--- Exercise materials ---

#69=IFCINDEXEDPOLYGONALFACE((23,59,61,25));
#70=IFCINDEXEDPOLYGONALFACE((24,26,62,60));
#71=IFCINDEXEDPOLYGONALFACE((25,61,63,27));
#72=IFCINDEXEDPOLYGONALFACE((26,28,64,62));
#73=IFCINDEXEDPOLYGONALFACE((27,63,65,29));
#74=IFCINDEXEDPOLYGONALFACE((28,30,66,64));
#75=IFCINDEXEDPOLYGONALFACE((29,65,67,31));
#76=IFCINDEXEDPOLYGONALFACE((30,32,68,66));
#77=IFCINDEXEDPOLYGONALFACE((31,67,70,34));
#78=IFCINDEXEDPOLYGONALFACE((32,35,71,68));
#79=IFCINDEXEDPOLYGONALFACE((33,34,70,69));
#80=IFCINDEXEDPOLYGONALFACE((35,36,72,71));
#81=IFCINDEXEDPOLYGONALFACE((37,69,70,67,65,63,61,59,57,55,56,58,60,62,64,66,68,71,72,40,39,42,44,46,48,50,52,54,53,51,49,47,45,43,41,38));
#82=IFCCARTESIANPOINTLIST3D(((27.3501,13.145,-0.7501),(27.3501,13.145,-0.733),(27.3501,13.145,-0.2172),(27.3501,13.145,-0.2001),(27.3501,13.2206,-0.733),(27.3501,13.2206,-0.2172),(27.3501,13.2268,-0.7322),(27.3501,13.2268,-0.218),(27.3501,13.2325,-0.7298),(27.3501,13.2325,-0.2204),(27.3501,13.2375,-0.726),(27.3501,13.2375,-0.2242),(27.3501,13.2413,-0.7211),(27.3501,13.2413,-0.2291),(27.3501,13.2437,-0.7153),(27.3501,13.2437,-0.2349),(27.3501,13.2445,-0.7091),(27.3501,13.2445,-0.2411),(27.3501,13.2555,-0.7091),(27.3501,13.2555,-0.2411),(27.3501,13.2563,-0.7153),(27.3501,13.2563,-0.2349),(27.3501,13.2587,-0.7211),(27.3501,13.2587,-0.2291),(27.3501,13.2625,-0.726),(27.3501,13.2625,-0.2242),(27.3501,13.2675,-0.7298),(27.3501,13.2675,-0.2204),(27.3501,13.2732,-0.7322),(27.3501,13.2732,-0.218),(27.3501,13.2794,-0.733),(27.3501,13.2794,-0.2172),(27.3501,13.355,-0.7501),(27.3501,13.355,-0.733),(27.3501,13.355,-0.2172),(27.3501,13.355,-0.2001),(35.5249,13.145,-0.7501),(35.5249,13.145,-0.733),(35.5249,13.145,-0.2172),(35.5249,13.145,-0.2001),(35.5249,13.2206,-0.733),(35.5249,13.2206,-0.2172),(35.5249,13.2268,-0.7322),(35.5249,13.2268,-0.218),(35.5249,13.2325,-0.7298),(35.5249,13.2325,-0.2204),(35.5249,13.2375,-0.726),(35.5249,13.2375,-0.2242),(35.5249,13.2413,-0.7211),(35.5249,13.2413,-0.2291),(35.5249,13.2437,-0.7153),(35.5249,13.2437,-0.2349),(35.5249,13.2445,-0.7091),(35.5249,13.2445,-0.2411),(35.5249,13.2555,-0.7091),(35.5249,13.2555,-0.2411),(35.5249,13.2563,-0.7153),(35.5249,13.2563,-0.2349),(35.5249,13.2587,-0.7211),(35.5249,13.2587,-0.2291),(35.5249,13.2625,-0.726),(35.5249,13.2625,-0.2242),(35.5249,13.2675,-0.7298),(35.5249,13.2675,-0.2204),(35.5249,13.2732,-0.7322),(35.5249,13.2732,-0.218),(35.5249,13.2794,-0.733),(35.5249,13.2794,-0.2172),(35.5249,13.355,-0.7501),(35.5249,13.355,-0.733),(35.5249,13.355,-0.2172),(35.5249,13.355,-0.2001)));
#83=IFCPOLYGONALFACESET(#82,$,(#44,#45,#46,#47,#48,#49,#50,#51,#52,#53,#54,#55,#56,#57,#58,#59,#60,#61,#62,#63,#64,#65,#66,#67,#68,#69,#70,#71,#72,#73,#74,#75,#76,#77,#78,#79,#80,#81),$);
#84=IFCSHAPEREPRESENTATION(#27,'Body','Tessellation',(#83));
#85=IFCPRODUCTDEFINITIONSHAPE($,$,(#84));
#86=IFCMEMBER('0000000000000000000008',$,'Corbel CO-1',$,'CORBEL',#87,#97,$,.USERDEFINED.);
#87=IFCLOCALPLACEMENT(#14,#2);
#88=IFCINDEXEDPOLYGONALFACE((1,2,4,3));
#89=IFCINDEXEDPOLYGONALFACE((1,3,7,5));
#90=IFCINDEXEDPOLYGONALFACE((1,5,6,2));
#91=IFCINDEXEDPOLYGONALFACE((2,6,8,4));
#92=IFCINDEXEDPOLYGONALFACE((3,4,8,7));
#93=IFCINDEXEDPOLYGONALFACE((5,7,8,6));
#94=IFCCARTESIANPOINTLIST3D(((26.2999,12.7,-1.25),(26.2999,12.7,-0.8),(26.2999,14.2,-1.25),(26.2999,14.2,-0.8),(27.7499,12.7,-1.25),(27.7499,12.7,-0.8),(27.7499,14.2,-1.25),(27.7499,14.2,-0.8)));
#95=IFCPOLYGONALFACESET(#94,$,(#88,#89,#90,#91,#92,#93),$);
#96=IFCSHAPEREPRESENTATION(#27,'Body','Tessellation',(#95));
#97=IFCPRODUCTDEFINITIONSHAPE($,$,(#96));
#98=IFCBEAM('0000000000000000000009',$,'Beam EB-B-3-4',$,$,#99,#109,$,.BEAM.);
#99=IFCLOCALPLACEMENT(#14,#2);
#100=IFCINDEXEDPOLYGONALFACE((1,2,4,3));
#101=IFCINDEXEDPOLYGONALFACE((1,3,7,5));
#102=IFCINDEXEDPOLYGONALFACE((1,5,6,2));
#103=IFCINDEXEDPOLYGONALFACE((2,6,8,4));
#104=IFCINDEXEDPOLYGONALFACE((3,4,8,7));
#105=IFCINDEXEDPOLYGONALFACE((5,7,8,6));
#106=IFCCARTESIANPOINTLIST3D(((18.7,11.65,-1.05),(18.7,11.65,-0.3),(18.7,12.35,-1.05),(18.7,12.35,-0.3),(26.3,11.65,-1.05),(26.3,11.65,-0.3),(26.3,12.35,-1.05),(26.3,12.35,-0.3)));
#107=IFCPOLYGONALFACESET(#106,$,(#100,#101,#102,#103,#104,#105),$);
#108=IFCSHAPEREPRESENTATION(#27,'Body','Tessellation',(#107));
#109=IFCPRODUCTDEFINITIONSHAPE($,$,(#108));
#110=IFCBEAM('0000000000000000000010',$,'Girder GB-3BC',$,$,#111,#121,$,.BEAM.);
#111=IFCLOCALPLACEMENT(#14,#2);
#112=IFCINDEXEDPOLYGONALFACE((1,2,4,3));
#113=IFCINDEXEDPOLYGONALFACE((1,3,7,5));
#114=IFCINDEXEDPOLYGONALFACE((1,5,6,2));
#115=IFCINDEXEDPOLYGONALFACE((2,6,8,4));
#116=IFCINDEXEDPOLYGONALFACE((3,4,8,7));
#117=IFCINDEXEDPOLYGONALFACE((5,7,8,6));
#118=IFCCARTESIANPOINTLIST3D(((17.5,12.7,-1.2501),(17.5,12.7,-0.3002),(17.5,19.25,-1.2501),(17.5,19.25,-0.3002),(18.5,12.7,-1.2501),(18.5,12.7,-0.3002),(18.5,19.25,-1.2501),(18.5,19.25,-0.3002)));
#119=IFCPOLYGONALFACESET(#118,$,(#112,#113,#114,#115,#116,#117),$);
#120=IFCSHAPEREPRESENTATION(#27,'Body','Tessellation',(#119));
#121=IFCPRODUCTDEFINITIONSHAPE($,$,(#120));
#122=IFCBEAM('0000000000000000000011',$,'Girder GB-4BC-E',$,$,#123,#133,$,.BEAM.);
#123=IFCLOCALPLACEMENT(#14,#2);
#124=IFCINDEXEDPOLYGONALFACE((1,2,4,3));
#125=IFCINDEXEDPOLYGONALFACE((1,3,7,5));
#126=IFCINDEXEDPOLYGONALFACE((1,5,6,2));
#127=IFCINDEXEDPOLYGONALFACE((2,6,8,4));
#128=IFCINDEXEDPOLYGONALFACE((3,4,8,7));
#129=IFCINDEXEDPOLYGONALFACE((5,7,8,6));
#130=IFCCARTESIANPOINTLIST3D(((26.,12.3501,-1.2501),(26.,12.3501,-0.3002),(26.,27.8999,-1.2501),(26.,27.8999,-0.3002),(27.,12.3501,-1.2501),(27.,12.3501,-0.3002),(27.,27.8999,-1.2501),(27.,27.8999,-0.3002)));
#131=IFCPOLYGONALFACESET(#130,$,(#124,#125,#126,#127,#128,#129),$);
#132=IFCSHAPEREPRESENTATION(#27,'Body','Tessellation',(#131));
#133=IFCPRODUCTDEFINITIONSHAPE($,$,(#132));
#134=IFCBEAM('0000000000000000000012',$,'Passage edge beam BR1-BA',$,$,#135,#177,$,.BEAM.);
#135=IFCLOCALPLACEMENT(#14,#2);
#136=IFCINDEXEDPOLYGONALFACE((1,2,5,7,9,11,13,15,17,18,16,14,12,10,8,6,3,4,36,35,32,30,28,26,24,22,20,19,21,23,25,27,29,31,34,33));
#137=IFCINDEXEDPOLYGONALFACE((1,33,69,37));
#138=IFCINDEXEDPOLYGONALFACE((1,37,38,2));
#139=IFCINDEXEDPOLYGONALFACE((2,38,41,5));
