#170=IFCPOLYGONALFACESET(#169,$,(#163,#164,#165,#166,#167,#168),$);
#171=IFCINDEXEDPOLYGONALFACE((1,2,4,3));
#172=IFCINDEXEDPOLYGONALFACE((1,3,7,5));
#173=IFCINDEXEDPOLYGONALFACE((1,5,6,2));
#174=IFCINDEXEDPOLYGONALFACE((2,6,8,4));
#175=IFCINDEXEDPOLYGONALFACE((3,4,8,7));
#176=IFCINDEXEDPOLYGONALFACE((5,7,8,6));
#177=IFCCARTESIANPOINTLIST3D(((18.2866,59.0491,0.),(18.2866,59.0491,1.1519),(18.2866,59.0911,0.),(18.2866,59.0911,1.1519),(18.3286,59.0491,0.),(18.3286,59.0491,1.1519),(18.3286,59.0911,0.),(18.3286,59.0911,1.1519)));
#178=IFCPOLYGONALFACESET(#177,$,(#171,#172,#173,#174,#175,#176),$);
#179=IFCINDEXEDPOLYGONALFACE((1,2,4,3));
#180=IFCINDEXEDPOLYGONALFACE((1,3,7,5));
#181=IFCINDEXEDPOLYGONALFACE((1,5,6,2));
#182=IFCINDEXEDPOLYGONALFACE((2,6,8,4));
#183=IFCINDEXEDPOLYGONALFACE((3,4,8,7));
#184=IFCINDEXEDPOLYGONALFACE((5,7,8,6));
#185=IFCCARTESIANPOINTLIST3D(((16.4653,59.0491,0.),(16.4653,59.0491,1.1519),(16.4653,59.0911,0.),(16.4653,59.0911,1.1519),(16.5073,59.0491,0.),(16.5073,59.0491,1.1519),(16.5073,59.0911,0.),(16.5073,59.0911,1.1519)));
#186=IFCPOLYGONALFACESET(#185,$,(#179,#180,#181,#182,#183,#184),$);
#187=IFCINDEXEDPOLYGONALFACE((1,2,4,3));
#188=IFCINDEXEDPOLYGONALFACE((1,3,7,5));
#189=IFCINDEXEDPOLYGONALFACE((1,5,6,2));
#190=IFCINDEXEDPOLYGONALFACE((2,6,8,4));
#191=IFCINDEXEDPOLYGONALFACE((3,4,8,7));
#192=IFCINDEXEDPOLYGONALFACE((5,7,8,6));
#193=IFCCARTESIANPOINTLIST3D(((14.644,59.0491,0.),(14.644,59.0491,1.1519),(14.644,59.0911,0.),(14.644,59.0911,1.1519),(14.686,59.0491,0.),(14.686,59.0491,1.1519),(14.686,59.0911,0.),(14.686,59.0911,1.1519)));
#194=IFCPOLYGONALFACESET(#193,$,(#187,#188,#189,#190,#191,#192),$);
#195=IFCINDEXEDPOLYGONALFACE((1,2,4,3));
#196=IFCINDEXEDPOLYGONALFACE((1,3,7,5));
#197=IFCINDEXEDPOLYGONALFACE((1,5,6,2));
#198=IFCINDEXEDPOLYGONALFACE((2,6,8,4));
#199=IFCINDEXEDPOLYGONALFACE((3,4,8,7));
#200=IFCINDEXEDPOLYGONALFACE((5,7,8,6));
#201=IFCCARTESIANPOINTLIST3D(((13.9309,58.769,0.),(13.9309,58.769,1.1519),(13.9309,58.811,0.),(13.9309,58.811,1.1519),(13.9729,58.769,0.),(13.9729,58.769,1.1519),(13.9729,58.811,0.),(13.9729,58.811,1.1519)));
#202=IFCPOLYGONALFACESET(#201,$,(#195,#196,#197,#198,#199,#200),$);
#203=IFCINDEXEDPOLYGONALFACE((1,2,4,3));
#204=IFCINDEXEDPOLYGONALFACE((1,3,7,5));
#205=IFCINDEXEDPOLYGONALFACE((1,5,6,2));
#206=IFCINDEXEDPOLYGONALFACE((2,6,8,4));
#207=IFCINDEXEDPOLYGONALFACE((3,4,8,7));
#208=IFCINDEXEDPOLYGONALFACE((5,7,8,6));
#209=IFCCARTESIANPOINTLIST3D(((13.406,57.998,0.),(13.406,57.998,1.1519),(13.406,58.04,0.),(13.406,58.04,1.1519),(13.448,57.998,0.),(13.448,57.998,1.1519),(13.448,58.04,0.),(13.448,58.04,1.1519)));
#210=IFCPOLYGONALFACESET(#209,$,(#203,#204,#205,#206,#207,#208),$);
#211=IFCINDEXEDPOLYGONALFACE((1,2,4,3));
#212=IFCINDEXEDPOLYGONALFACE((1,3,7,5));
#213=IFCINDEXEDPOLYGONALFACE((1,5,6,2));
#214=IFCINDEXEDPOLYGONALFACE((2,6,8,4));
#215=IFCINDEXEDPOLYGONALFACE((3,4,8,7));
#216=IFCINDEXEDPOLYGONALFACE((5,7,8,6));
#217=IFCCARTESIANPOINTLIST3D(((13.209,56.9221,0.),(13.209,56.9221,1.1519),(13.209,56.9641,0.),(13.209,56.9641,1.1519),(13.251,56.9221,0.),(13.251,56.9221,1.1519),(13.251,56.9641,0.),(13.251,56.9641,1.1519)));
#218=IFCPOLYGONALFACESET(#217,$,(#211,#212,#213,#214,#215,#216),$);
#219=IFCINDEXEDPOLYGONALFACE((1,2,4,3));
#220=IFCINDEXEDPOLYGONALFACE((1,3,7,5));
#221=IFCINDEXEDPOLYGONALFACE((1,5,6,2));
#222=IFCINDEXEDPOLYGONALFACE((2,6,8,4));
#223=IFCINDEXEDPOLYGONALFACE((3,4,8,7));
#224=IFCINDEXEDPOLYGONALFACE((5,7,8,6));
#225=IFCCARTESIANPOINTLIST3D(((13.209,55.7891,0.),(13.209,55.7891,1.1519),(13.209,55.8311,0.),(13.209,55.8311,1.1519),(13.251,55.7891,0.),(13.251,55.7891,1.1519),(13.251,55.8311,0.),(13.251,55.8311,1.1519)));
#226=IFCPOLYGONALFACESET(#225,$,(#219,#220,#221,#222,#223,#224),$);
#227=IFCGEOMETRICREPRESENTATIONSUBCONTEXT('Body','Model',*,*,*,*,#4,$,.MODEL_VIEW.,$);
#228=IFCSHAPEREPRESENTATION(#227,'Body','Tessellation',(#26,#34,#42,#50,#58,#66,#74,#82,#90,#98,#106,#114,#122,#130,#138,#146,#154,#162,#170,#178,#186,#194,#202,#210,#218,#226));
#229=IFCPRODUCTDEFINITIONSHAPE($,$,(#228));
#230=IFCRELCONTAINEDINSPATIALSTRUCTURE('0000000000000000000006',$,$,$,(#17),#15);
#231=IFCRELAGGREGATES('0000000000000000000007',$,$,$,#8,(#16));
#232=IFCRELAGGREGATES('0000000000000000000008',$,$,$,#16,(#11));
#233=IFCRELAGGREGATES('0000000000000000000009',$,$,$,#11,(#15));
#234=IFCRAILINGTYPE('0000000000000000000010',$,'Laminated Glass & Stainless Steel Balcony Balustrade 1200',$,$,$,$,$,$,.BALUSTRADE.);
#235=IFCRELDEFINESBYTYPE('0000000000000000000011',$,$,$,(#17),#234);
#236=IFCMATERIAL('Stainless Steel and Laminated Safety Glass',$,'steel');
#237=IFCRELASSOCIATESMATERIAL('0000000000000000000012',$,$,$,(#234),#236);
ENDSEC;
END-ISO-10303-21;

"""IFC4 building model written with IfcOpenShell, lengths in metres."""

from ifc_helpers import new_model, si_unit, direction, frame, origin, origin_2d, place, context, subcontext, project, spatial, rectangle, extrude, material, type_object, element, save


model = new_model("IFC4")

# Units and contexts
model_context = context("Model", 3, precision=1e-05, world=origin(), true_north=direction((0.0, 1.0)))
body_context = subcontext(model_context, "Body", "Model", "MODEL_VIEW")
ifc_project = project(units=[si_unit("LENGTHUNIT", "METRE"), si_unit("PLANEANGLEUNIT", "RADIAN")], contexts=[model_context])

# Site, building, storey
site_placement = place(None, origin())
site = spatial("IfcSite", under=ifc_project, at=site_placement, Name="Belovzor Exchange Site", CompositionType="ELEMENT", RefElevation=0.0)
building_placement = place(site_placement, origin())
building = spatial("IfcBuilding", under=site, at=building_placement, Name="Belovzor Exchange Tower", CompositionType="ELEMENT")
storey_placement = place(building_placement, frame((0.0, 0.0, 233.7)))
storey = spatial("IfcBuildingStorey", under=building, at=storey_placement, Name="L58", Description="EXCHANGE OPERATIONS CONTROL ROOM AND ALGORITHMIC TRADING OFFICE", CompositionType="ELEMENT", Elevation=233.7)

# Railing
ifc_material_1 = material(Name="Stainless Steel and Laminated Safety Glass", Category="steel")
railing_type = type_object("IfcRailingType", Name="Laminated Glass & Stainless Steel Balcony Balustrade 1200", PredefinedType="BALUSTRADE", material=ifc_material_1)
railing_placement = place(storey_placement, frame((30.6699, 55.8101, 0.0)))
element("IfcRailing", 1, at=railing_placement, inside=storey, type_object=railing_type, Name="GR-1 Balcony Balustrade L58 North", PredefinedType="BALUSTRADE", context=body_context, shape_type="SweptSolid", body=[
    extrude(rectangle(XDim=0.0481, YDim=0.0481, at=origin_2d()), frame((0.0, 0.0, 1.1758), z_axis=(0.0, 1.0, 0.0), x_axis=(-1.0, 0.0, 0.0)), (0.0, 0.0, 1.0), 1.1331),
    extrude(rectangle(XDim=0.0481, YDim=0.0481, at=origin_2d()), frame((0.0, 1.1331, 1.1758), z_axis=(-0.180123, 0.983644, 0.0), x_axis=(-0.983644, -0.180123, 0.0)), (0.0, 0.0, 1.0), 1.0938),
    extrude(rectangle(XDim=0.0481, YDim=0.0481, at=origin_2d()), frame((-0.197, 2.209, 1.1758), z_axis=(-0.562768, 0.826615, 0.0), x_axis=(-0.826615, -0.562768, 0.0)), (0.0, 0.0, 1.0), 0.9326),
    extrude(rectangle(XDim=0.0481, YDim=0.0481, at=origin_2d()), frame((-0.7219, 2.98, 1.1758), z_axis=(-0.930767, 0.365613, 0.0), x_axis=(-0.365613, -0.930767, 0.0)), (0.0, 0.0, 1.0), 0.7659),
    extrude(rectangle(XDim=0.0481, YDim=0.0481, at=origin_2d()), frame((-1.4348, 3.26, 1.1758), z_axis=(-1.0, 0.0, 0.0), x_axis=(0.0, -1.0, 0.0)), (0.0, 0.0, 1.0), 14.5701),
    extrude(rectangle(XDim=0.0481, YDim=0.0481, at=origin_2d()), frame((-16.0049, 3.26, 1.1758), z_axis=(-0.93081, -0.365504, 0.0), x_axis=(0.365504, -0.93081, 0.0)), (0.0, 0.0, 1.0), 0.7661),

---

**Work to complete**. Using the records above, copy word for word the line with "#197=IFCINDEXEDPOLYGONALFACE((1,5,6,2));", the line with "#208=IFCINDEXEDPOLYGONALFACE((5,7,8,6));", and every line between them.

**Answer space**.
#197=IFCINDEXEDPOLYGONALFACE((1,5,6,2));
#198=IFCINDEXEDPOLYGONALFACE((2,6,8,4));
#199=IFCINDEXEDPOLYGONALFACE((3,4,8,7));
#200=IFCINDEXEDPOLYGONALFACE((5,7,8,6));
#201=IFCCARTESIANPOINTLIST3D(((13.9309,58.769,0.),(13.9309,58.769,1.1519),(13.9309,58.811,0.),(13.9309,58.811,1.1519),(13.9729,58.769,0.),(13.9729,58.769,1.1519),(13.9729,58.811,0.),(13.9729,58.811,1.1519)));
#202=IFCPOLYGONALFACESET(#201,$,(#195,#196,#197,#198,#199,#200),$);
#203=IFCINDEXEDPOLYGONALFACE((1,2,4,3));
#204=IFCINDEXEDPOLYGONALFACE((1,3,7,5));
#205=IFCINDEXEDPOLYGONALFACE((1,5,6,2));
#206=IFCINDEXEDPOLYGONALFACE((2,6,8,4));
#207=IFCINDEXEDPOLYGONALFACE((3,4,8,7));
#208=IFCINDEXEDPOLYGONALFACE((5,7,8,6));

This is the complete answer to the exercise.